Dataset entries
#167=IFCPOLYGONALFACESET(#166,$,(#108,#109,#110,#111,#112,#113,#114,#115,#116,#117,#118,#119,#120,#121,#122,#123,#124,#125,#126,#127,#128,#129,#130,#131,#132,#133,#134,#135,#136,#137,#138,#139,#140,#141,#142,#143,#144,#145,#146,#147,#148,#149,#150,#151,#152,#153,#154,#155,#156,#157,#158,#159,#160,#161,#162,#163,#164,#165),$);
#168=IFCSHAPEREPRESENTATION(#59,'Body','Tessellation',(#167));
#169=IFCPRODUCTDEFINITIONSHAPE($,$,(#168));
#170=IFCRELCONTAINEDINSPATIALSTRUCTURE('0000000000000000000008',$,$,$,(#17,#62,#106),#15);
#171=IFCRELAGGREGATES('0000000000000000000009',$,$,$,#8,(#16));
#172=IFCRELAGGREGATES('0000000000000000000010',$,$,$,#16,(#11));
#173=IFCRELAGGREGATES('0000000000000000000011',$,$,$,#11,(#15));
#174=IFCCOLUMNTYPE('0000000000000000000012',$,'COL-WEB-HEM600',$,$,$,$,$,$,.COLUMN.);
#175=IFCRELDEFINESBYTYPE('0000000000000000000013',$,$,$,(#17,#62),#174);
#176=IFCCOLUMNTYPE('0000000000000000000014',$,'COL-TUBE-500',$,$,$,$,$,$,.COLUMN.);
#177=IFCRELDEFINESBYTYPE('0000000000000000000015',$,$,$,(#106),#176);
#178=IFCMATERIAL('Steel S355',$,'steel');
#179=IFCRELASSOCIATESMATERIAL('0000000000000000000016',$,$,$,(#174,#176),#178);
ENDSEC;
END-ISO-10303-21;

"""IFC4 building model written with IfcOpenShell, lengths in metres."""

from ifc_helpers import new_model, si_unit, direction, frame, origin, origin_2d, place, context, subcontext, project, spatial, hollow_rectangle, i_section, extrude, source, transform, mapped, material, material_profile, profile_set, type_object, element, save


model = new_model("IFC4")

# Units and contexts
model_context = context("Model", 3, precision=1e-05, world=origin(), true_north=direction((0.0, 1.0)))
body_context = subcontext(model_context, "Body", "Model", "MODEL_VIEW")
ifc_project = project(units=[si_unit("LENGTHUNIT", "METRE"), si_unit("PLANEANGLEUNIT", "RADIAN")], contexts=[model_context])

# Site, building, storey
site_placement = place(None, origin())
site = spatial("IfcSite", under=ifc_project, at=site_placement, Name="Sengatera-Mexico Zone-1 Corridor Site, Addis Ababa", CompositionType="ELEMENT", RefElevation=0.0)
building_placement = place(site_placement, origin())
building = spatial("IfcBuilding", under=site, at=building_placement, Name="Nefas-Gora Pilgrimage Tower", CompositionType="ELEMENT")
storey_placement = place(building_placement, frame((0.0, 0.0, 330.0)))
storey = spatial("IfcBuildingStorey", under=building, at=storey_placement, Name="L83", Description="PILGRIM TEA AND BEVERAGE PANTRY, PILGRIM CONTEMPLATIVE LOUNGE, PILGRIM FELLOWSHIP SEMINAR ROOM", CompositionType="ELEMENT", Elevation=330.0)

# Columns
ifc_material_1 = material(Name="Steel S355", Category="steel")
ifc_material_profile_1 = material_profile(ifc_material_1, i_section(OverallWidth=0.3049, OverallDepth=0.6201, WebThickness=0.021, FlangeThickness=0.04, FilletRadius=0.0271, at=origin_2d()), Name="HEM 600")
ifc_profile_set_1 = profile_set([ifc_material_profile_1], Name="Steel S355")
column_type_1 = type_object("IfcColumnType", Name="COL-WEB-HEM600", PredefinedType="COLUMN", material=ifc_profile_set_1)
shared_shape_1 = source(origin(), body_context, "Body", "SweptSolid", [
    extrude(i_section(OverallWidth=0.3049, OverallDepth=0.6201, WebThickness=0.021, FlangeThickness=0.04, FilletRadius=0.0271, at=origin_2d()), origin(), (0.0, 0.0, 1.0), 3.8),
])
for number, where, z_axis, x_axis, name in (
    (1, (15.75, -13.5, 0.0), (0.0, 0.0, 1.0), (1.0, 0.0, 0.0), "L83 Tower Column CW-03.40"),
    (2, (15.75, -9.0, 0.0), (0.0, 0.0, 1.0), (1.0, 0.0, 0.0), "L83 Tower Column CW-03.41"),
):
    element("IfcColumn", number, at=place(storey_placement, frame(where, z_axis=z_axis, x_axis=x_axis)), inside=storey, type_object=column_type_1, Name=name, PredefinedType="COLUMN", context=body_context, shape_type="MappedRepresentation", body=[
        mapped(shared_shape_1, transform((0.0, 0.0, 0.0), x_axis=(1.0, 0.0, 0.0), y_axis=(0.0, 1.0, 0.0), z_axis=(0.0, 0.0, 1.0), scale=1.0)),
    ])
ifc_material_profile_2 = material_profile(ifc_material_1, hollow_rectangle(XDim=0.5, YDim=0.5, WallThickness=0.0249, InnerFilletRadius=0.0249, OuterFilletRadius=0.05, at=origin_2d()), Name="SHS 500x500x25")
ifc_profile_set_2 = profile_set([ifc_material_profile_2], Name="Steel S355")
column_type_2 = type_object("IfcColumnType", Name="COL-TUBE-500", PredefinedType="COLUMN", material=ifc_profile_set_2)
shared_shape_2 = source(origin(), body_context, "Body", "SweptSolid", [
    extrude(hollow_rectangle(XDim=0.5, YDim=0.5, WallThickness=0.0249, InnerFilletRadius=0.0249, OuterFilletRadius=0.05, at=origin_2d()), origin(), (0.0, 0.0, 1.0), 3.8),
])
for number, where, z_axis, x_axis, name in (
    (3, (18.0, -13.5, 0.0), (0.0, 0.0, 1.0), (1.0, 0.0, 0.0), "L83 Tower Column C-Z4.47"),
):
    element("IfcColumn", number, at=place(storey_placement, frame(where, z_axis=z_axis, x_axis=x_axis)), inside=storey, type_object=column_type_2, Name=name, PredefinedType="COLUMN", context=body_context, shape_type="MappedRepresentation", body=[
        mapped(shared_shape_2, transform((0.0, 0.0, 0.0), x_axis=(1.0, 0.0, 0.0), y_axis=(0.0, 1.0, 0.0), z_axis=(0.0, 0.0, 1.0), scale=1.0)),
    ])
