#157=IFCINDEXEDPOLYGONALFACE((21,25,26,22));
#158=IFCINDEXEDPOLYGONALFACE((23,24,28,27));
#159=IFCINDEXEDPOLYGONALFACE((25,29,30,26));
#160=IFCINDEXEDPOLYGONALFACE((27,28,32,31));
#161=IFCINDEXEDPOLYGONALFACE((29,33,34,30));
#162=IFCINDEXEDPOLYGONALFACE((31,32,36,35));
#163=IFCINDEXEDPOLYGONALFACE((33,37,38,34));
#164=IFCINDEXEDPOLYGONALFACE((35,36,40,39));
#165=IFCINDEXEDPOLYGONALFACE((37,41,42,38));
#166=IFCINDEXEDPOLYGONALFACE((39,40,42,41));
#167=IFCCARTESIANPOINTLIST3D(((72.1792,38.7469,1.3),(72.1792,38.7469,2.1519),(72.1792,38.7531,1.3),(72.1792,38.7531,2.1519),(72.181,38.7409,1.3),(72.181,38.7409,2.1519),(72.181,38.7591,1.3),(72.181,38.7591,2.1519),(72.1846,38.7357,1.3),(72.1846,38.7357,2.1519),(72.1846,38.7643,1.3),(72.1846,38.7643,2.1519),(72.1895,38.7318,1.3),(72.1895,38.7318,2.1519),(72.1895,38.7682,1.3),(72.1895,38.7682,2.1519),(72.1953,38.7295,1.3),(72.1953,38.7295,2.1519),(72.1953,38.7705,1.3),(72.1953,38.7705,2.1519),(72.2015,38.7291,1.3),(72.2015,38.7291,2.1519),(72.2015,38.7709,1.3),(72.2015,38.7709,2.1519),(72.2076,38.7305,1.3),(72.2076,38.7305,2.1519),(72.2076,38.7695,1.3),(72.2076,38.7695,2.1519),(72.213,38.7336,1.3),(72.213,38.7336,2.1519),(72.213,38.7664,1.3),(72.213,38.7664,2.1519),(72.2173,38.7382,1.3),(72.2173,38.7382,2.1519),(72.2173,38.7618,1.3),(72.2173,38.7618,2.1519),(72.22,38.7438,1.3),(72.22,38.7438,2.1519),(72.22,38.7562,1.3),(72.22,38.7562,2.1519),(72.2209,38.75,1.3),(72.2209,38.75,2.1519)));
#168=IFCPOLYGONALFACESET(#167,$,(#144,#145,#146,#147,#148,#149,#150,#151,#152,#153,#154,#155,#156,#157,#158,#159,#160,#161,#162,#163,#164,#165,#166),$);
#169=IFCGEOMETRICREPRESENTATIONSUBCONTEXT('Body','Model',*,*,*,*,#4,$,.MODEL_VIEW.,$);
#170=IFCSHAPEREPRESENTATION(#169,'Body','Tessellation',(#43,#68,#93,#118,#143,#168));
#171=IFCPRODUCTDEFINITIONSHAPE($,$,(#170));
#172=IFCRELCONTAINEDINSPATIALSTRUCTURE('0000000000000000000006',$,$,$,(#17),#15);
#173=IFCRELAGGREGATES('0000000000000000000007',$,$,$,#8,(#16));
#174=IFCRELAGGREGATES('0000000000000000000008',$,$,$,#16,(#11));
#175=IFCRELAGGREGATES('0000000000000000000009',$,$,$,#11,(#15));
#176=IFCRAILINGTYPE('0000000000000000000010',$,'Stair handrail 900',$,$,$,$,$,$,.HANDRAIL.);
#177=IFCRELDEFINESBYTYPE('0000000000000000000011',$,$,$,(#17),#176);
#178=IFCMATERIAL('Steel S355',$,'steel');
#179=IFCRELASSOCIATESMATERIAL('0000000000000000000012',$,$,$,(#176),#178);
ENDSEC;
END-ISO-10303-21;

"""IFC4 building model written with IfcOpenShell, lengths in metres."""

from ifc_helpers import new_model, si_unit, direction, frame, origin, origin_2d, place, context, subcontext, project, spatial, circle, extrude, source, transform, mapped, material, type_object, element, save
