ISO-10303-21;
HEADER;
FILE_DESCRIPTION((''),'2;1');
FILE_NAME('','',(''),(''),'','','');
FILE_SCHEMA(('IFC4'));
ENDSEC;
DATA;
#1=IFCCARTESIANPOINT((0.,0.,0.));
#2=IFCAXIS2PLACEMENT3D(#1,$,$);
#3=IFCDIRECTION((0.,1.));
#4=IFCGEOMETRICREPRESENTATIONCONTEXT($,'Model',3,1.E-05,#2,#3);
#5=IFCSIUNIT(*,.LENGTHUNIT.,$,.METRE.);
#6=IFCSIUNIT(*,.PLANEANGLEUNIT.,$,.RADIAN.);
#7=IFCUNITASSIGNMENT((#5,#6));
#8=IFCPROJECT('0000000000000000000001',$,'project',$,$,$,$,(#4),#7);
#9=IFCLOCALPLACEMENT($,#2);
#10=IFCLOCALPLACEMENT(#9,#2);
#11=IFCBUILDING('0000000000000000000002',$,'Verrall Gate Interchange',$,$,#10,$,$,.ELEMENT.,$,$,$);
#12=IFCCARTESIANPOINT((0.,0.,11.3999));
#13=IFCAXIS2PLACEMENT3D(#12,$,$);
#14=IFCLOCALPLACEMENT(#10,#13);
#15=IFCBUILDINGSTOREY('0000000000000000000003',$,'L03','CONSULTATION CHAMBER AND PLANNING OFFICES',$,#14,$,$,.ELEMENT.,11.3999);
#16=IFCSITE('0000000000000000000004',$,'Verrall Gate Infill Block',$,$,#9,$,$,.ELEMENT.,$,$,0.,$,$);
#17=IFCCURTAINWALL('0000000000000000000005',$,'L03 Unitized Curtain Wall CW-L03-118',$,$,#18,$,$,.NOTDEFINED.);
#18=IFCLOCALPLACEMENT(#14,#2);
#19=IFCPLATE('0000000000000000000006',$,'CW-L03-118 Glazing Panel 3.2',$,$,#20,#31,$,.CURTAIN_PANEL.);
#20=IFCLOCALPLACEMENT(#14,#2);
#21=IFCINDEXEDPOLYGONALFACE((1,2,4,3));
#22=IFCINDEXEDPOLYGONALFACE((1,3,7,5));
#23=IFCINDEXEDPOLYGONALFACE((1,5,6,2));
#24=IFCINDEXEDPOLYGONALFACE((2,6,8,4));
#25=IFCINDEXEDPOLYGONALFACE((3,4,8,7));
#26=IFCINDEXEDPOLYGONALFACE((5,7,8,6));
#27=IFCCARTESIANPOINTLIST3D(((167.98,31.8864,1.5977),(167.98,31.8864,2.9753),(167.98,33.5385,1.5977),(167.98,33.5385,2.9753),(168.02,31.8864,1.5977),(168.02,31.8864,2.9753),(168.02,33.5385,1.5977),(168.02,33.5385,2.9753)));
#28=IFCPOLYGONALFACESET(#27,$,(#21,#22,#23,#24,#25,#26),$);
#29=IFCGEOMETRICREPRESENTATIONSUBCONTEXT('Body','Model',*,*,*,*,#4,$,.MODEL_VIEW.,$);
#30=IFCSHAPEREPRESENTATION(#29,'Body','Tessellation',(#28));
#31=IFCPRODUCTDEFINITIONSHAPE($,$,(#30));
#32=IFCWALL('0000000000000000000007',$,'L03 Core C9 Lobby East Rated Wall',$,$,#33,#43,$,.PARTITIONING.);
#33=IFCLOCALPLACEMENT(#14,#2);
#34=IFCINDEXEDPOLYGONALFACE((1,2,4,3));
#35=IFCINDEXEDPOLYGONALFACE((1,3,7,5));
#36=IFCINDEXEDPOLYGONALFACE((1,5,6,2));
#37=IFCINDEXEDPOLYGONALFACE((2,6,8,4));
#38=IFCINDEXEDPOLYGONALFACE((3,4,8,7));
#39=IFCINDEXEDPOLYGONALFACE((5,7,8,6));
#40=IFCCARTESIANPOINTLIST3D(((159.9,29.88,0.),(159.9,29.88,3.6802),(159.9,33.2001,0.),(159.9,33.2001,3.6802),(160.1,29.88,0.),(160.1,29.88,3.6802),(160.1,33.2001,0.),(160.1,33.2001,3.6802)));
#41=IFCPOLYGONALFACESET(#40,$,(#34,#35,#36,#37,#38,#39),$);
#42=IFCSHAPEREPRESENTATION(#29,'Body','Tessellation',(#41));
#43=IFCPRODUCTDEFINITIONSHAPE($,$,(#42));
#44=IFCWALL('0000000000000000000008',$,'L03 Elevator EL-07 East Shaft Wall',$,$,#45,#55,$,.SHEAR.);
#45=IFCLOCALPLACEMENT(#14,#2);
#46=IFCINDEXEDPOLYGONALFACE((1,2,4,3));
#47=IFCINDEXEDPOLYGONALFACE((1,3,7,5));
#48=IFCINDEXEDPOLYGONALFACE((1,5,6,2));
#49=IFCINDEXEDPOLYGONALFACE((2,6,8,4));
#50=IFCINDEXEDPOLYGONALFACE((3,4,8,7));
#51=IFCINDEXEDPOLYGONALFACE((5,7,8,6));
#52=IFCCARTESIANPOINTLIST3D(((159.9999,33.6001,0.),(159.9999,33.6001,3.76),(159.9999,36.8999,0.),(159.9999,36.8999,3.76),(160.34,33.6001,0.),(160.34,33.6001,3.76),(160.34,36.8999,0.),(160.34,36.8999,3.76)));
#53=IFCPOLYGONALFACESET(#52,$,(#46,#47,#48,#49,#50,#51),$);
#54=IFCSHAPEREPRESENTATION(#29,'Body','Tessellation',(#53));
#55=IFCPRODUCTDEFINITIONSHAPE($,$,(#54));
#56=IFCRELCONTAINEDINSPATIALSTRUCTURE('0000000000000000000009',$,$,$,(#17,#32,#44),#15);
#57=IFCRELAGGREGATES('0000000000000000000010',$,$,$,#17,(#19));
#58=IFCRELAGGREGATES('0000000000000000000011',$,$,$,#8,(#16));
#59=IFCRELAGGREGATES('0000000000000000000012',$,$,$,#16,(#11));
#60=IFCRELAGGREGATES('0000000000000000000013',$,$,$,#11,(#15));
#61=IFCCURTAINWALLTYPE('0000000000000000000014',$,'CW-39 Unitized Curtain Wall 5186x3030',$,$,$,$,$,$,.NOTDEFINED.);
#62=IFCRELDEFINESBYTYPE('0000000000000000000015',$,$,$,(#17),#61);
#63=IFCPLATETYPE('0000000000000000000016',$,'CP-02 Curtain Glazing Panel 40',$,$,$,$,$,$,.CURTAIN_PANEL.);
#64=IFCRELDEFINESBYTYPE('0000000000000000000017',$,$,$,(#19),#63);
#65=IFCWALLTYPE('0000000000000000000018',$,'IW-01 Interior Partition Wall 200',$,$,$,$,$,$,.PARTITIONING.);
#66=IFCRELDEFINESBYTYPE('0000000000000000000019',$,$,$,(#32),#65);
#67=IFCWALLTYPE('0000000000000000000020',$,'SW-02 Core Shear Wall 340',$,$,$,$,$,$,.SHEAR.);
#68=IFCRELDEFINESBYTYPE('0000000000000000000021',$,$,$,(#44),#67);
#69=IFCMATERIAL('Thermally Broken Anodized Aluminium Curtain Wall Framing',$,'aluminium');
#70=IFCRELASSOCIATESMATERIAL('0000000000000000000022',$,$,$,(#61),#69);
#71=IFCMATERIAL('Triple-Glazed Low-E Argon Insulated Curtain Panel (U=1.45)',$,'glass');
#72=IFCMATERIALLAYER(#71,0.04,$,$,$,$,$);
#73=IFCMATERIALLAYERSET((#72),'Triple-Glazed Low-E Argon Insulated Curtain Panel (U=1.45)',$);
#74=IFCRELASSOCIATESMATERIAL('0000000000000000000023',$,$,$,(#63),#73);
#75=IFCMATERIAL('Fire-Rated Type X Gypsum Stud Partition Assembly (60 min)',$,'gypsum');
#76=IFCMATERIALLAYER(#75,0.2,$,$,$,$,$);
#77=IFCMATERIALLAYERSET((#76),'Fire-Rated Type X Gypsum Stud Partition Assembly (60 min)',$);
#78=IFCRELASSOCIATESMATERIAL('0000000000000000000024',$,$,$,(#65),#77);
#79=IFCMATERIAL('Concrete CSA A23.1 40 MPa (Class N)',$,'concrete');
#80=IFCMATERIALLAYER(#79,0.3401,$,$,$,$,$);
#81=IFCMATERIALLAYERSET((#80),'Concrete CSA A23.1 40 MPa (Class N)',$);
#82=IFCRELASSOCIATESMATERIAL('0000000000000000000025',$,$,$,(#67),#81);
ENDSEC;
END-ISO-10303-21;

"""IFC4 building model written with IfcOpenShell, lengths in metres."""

from ifc_helpers import new_model, si_unit, direction, frame, frame_2d, origin, origin_2d, place, context, subcontext, project, spatial, rectangle, extrude, material, layer, layer_set, type_object, element, aggregate, save


model = new_model("IFC4")

# Units and contexts
model_context = context("Model", 3, precision=1e-05, world=origin(), true_north=direction((0.0, 1.0)))
body_context = subcontext(model_context, "Body", "Model", "MODEL_VIEW")
ifc_project = project(units=[si_unit("LENGTHUNIT", "METRE"), si_unit("PLANEANGLEUNIT", "RADIAN")], contexts=[model_context])

# Site, building, storey
site_placement = place(None, origin())
site = spatial("IfcSite", under=ifc_project, at=site_placement, Name="Verrall Gate Infill Block", CompositionType="ELEMENT", RefElevation=0.0)
building_placement = place(site_placement, origin())
building = spatial("IfcBuilding", under=site, at=building_placement, Name="Verrall Gate Interchange", CompositionType="ELEMENT")
storey_placement = place(building_placement, frame((0.0, 0.0, 11.3999)))
storey = spatial("IfcBuildingStorey", under=building, at=storey_placement, Name="L03", Description="CONSULTATION CHAMBER AND PLANNING OFFICES", CompositionType="ELEMENT", Elevation=11.3999)

# Curtain wall
ifc_material_1 = material(Name="Thermally Broken Anodized Aluminium Curtain Wall Framing", Category="aluminium")
curtain_wall_type_1 = type_object("IfcCurtainWallType", Name="CW-39 Unitized Curtain Wall 5186x3030", PredefinedType="NOTDEFINED", material=ifc_material_1)
curtain_wall_1_placement = place(storey_placement, origin())
curtain_wall_1 = element("IfcCurtainWall", 1, at=curtain_wall_1_placement, inside=storey, type_object=curtain_wall_type_1, Name="L03 Unitized Curtain Wall CW-L03-118", PredefinedType="NOTDEFINED")

# Plate
ifc_material_2 = material(Name="Triple-Glazed Low-E Argon Insulated Curtain Panel (U=1.45)", Category="glass")
ifc_layer_1 = layer(ifc_material_2, 0.04)
ifc_layer_set_1 = layer_set([ifc_layer_1], Name="Triple-Glazed Low-E Argon Insulated Curtain Panel (U=1.45)")
plate_type = type_object("IfcPlateType", Name="CP-02 Curtain Glazing Panel 40", PredefinedType="CURTAIN_PANEL", material=ifc_layer_set_1)
plate_1_placement = place(storey_placement, frame((168.0, 32.7124, 1.5977), z_axis=(0.0, 0.0, 1.0), x_axis=(0.0, 1.0, 0.0)))
plate_1 = element("IfcPlate", 2, at=plate_1_placement, type_object=plate_type, Name="CW-L03-118 Glazing Panel 3.2", PredefinedType="CURTAIN_PANEL", context=body_context, shape_type="SweptSolid", body=[
    extrude(rectangle(XDim=1.6521, YDim=0.04, at=origin_2d()), origin(), (0.0, 0.0, 1.0), 1.3777),
])
aggregate(curtain_wall_1, [plate_1])

# Walls
ifc_material_3 = material(Name="Fire-Rated Type X Gypsum Stud Partition Assembly (60 min)", Category="gypsum")
ifc_layer_2 = layer(ifc_material_3, 0.2)
ifc_layer_set_2 = layer_set([ifc_layer_2], Name="Fire-Rated Type X Gypsum Stud Partition Assembly (60 min)")
wall_type_1 = type_object("IfcWallType", Name="IW-01 Interior Partition Wall 200", PredefinedType="PARTITIONING", material=ifc_layer_set_2)
wall_1_placement = place(storey_placement, frame((160.0, 29.8799, 0.0), z_axis=(0.0, 0.0, 1.0), x_axis=(0.0, 1.0, 0.0)))
element("IfcWall", 3, at=wall_1_placement, inside=storey, type_object=wall_type_1, Name="L03 Core C9 Lobby East Rated Wall", PredefinedType="PARTITIONING", context=body_context, shape_type="SweptSolid", body=[
    extrude(rectangle(XDim=3.3201, YDim=0.2, at=frame_2d((1.6602, 0.0))), origin(), (0.0, 0.0, 1.0), 3.6802),
])
ifc_material_4 = material(Name="Concrete CSA A23.1 40 MPa (Class N)", Category="concrete")
ifc_layer_3 = layer(ifc_material_4, 0.3401)
ifc_layer_set_3 = layer_set([ifc_layer_3], Name="Concrete CSA A23.1 40 MPa (Class N)")
wall_type_2 = type_object("IfcWallType", Name="SW-02 Core Shear Wall 340", PredefinedType="SHEAR", material=ifc_layer_set_3)
wall_2_placement = place(storey_placement, frame((160.1699, 33.6001, 0.0), z_axis=(0.0, 0.0, 1.0), x_axis=(0.0, 1.0, 0.0)))
element("IfcWall", 4, at=wall_2_placement, inside=storey, type_object=wall_type_2, Name="L03 Elevator EL-07 East Shaft Wall", PredefinedType="SHEAR", context=body_context, shape_type="SweptSolid", body=[
    extrude(rectangle(XDim=3.2998, YDim=0.3401, at=frame_2d((1.6499, 0.0))), origin(), (0.0, 0.0, 1.0), 3.76),
])

save(model, "model.ifc")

What the task asks:
Among the entries above, copy exactly only the lines starting with the one containing "#12=IFCCARTESIANPOINT((0.,0.,11.3999));" and going through the one containing "#16=IFCSITE('0000000000000000000004',$,'Verrall Gate Infill", both ends included.

Solution:
#12=IFCCARTESIANPOINT((0.,0.,11.3999));
#13=IFCAXIS2PLACEMENT3D(#12,$,$);
#14=IFCLOCALPLACEMENT(#10,#13);
#15=IFCBUILDINGSTOREY('0000000000000000000003',$,'L03','CONSULTATION CHAMBER AND PLANNING OFFICES',$,#14,$,$,.ELEMENT.,11.3999);
#16=IFCSITE('0000000000000000000004',$,'Verrall Gate Infill Block',$,$,#9,$,$,.ELEMENT.,$,$,0.,$,$);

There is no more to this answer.